Task objective = Beginning with the line below that contains "world=origin(), true_north=direction((0.0, 1.0)))" and ending with the line that contains "site_placement = place(None, origin())", copy every line exactly. Copy nothing else.

Source information =
○ ○ ○ ○ ○
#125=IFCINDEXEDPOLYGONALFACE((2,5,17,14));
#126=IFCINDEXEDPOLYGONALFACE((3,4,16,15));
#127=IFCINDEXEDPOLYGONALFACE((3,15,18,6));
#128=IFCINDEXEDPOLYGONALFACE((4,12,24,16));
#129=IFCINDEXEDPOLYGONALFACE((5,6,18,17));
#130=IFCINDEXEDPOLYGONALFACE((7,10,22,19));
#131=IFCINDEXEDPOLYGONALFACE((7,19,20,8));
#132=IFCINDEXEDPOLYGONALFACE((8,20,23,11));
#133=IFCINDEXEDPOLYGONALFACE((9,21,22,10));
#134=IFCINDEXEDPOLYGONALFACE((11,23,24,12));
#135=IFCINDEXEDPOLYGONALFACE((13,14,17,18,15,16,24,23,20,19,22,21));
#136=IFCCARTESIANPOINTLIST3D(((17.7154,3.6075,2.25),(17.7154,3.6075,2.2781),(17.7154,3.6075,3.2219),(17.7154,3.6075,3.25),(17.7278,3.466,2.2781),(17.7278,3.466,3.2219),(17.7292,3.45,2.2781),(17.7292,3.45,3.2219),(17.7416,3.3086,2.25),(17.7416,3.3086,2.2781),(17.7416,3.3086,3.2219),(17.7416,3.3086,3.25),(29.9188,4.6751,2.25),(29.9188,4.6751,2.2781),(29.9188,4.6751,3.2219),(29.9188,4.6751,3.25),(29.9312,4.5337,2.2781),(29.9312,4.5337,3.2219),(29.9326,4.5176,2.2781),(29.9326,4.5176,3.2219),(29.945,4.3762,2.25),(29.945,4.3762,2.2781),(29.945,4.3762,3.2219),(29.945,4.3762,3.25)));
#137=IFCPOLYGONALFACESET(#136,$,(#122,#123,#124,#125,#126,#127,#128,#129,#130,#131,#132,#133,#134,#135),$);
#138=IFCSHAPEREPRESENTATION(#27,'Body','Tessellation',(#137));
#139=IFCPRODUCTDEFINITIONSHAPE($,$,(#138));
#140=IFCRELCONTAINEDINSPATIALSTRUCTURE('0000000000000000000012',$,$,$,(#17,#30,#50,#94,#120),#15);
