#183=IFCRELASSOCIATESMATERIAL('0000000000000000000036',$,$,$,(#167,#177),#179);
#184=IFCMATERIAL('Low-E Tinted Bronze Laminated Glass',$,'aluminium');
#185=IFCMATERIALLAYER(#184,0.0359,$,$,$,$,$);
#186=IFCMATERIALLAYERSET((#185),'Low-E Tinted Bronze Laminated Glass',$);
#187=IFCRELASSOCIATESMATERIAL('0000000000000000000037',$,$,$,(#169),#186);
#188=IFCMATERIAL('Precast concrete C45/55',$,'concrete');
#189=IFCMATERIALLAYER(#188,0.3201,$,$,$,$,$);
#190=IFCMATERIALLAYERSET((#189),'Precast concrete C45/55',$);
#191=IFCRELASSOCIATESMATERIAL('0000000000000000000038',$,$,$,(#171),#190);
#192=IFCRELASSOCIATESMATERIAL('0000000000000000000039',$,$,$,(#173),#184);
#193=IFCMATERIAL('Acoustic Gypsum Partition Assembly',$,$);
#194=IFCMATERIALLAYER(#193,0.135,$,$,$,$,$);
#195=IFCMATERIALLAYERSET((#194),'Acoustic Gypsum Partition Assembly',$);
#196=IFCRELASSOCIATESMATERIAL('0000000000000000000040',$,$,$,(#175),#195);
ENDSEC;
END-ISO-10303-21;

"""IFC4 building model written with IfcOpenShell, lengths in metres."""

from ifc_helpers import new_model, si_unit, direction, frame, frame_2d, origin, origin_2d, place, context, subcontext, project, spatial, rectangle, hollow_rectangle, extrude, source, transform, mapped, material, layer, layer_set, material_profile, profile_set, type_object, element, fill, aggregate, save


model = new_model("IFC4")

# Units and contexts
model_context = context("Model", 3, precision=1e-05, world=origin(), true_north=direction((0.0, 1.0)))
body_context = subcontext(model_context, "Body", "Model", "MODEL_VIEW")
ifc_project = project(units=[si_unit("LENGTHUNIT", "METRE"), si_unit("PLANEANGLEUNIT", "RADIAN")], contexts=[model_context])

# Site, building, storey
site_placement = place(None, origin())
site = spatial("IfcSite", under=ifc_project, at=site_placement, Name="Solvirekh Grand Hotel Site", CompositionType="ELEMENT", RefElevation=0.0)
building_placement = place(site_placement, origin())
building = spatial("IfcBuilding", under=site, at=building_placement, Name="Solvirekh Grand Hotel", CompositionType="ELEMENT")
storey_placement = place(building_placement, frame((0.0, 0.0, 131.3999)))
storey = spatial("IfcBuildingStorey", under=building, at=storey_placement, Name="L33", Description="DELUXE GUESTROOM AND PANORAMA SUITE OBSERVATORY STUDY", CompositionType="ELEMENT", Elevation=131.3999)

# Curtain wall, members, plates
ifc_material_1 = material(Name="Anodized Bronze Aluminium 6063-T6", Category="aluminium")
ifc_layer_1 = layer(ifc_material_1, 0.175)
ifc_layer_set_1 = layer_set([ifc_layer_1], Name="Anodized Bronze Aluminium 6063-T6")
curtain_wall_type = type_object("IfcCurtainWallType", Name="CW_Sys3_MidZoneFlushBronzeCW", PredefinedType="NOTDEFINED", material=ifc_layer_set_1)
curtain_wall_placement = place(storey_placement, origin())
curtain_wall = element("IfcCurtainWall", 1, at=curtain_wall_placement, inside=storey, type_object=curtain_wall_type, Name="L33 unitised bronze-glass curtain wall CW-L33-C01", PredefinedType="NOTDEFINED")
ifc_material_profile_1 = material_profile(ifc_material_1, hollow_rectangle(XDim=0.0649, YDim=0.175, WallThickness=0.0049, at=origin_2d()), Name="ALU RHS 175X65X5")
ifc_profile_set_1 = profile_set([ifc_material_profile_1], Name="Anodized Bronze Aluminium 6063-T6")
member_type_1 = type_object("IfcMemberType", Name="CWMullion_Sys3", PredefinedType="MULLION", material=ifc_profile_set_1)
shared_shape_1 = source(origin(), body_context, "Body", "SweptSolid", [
○ ○ ○ ○ ○
Your response =
model_context = context("Model", 3, precision=1e-05, world=origin(), true_north=direction((0.0, 1.0)))
body_context = subcontext(model_context, "Body", "Model", "MODEL_VIEW")
ifc_project = project(units=[si_unit("LENGTHUNIT", "METRE"), si_unit("PLANEANGLEUNIT", "RADIAN")], contexts=[model_context])

# Site, building, storey
site_placement = place(None, origin())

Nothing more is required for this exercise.